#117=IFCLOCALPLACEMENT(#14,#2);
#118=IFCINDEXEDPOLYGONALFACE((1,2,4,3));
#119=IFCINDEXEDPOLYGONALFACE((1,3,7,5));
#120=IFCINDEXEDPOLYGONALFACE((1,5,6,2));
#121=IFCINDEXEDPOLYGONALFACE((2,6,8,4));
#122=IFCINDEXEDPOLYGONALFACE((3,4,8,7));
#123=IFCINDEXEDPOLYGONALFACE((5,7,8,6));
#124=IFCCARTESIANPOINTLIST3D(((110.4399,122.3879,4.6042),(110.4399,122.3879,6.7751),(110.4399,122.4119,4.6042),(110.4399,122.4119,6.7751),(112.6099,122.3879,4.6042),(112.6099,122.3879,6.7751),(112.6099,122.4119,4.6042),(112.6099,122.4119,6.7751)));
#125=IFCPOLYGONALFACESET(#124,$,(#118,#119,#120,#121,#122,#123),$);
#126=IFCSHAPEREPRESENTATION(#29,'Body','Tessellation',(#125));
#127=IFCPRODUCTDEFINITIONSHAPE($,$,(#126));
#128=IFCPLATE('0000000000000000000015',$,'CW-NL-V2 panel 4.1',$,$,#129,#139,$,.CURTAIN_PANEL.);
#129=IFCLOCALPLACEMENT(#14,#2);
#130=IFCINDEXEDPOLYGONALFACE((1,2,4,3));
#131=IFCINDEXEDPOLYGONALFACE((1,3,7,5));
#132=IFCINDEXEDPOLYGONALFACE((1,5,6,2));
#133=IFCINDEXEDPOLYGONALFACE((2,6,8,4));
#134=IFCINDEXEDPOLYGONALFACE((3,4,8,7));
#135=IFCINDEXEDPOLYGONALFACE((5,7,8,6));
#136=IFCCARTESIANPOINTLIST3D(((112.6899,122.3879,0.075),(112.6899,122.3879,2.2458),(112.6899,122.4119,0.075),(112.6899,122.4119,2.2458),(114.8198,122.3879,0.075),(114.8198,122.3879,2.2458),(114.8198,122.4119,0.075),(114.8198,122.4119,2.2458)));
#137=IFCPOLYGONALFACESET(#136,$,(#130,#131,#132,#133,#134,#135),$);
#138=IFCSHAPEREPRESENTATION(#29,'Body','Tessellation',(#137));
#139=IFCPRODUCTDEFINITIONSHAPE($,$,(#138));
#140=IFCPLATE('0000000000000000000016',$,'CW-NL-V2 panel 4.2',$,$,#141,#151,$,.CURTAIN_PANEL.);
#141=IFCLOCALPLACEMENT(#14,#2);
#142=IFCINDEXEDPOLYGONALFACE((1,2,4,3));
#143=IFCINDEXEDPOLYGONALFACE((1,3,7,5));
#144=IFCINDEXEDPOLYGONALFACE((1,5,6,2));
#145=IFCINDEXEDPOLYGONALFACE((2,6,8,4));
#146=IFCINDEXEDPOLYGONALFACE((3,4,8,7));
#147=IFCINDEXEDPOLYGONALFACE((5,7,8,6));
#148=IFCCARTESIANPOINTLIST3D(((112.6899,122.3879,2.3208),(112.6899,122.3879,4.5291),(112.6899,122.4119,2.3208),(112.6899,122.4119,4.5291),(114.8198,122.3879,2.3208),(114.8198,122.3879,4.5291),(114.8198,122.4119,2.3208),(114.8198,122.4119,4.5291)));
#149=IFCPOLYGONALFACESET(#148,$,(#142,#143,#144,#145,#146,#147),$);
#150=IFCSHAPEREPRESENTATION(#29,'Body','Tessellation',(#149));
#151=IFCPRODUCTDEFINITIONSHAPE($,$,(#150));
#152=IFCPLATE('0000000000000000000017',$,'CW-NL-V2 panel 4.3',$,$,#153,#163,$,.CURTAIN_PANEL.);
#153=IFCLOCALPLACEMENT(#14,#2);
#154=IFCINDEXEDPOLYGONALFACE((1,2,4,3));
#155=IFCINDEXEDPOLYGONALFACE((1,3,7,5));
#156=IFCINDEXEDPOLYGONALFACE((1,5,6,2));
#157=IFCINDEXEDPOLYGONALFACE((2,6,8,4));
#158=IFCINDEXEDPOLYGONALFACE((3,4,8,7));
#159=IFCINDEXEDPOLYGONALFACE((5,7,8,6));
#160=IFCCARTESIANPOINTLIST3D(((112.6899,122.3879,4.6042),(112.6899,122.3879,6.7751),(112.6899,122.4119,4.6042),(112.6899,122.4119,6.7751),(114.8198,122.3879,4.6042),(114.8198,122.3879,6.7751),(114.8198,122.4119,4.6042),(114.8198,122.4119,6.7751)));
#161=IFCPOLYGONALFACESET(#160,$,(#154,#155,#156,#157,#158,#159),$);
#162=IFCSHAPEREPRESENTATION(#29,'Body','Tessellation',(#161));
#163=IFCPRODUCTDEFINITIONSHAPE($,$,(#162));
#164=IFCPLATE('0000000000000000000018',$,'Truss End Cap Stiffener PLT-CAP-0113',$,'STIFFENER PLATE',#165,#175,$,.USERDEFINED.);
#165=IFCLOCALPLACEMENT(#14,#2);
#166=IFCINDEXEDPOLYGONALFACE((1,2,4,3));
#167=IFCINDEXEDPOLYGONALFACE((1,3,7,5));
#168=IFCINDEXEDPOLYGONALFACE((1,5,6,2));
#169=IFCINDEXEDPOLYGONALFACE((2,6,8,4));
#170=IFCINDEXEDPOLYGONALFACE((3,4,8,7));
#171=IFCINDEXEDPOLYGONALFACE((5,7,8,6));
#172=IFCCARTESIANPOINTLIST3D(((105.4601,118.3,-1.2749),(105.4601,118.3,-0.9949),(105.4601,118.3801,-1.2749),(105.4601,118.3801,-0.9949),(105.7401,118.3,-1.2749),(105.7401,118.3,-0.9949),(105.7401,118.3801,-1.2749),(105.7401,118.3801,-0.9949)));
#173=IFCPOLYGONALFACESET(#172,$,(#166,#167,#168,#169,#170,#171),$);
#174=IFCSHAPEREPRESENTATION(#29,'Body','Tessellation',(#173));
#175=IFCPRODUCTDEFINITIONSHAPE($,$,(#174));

------------------------------------

TASK BRIEF » Write the entries out again exactly.

EXERCISE ANSWER »
#117=IFCLOCALPLACEMENT(#14,#2);
#118=IFCINDEXEDPOLYGONALFACE((1,2,4,3));
#119=IFCINDEXEDPOLYGONALFACE((1,3,7,5));
#120=IFCINDEXEDPOLYGONALFACE((1,5,6,2));
#121=IFCINDEXEDPOLYGONALFACE((2,6,8,4));
#122=IFCINDEXEDPOLYGONALFACE((3,4,8,7));
#123=IFCINDEXEDPOLYGONALFACE((5,7,8,6));
#124=IFCCARTESIANPOINTLIST3D(((110.4399,122.3879,4.6042),(110.4399,122.3879,6.7751),(110.4399,122.4119,4.6042),(110.4399,122.4119,6.7751),(112.6099,122.3879,4.6042),(112.6099,122.3879,6.7751),(112.6099,122.4119,4.6042),(112.6099,122.4119,6.7751)));
#125=IFCPOLYGONALFACESET(#124,$,(#118,#119,#120,#121,#122,#123),$);
#126=IFCSHAPEREPRESENTATION(#29,'Body','Tessellation',(#125));
#127=IFCPRODUCTDEFINITIONSHAPE($,$,(#126));
#128=IFCPLATE('0000000000000000000015',$,'CW-NL-V2 panel 4.1',$,$,#129,#139,$,.CURTAIN_PANEL.);
#129=IFCLOCALPLACEMENT(#14,#2);
#130=IFCINDEXEDPOLYGONALFACE((1,2,4,3));
#131=IFCINDEXEDPOLYGONALFACE((1,3,7,5));
#132=IFCINDEXEDPOLYGONALFACE((1,5,6,2));
#133=IFCINDEXEDPOLYGONALFACE((2,6,8,4));
#134=IFCINDEXEDPOLYGONALFACE((3,4,8,7));
#135=IFCINDEXEDPOLYGONALFACE((5,7,8,6));
#136=IFCCARTESIANPOINTLIST3D(((112.6899,122.3879,0.075),(112.6899,122.3879,2.2458),(112.6899,122.4119,0.075),(112.6899,122.4119,2.2458),(114.8198,122.3879,0.075),(114.8198,122.3879,2.2458),(114.8198,122.4119,0.075),(114.8198,122.4119,2.2458)));
#137=IFCPOLYGONALFACESET(#136,$,(#130,#131,#132,#133,#134,#135),$);
#138=IFCSHAPEREPRESENTATION(#29,'Body','Tessellation',(#137));
#139=IFCPRODUCTDEFINITIONSHAPE($,$,(#138));
#140=IFCPLATE('0000000000000000000016',$,'CW-NL-V2 panel 4.2',$,$,#141,#151,$,.CURTAIN_PANEL.);
#141=IFCLOCALPLACEMENT(#14,#2);
#142=IFCINDEXEDPOLYGONALFACE((1,2,4,3));
#143=IFCINDEXEDPOLYGONALFACE((1,3,7,5));
#144=IFCINDEXEDPOLYGONALFACE((1,5,6,2));
#145=IFCINDEXEDPOLYGONALFACE((2,6,8,4));
#146=IFCINDEXEDPOLYGONALFACE((3,4,8,7));
#147=IFCINDEXEDPOLYGONALFACE((5,7,8,6));
#148=IFCCARTESIANPOINTLIST3D(((112.6899,122.3879,2.3208),(112.6899,122.3879,4.5291),(112.6899,122.4119,2.3208),(112.6899,122.4119,4.5291),(114.8198,122.3879,2.3208),(114.8198,122.3879,4.5291),(114.8198,122.4119,2.3208),(114.8198,122.4119,4.5291)));
#149=IFCPOLYGONALFACESET(#148,$,(#142,#143,#144,#145,#146,#147),$);
#150=IFCSHAPEREPRESENTATION(#29,'Body','Tessellation',(#149));
#151=IFCPRODUCTDEFINITIONSHAPE($,$,(#150));
#152=IFCPLATE('0000000000000000000017',$,'CW-NL-V2 panel 4.3',$,$,#153,#163,$,.CURTAIN_PANEL.);
#153=IFCLOCALPLACEMENT(#14,#2);
#154=IFCINDEXEDPOLYGONALFACE((1,2,4,3));
#155=IFCINDEXEDPOLYGONALFACE((1,3,7,5));
#156=IFCINDEXEDPOLYGONALFACE((1,5,6,2));
#157=IFCINDEXEDPOLYGONALFACE((2,6,8,4));
#158=IFCINDEXEDPOLYGONALFACE((3,4,8,7));
#159=IFCINDEXEDPOLYGONALFACE((5,7,8,6));
#160=IFCCARTESIANPOINTLIST3D(((112.6899,122.3879,4.6042),(112.6899,122.3879,6.7751),(112.6899,122.4119,4.6042),(112.6899,122.4119,6.7751),(114.8198,122.3879,4.6042),(114.8198,122.3879,6.7751),(114.8198,122.4119,4.6042),(114.8198,122.4119,6.7751)));
#161=IFCPOLYGONALFACESET(#160,$,(#154,#155,#156,#157,#158,#159),$);
#162=IFCSHAPEREPRESENTATION(#29,'Body','Tessellation',(#161));
#163=IFCPRODUCTDEFINITIONSHAPE($,$,(#162));
#164=IFCPLATE('0000000000000000000018',$,'Truss End Cap Stiffener PLT-CAP-0113',$,'STIFFENER PLATE',#165,#175,$,.USERDEFINED.);
#165=IFCLOCALPLACEMENT(#14,#2);
#166=IFCINDEXEDPOLYGONALFACE((1,2,4,3));
#167=IFCINDEXEDPOLYGONALFACE((1,3,7,5));
#168=IFCINDEXEDPOLYGONALFACE((1,5,6,2));
#169=IFCINDEXEDPOLYGONALFACE((2,6,8,4));
#170=IFCINDEXEDPOLYGONALFACE((3,4,8,7));
#171=IFCINDEXEDPOLYGONALFACE((5,7,8,6));
#172=IFCCARTESIANPOINTLIST3D(((105.4601,118.3,-1.2749),(105.4601,118.3,-0.9949),(105.4601,118.3801,-1.2749),(105.4601,118.3801,-0.9949),(105.7401,118.3,-1.2749),(105.7401,118.3,-0.9949),(105.7401,118.3801,-1.2749),(105.7401,118.3801,-0.9949)));
#173=IFCPOLYGONALFACESET(#172,$,(#166,#167,#168,#169,#170,#171),$);
#174=IFCSHAPEREPRESENTATION(#29,'Body','Tessellation',(#173));
#175=IFCPRODUCTDEFINITIONSHAPE($,$,(#174));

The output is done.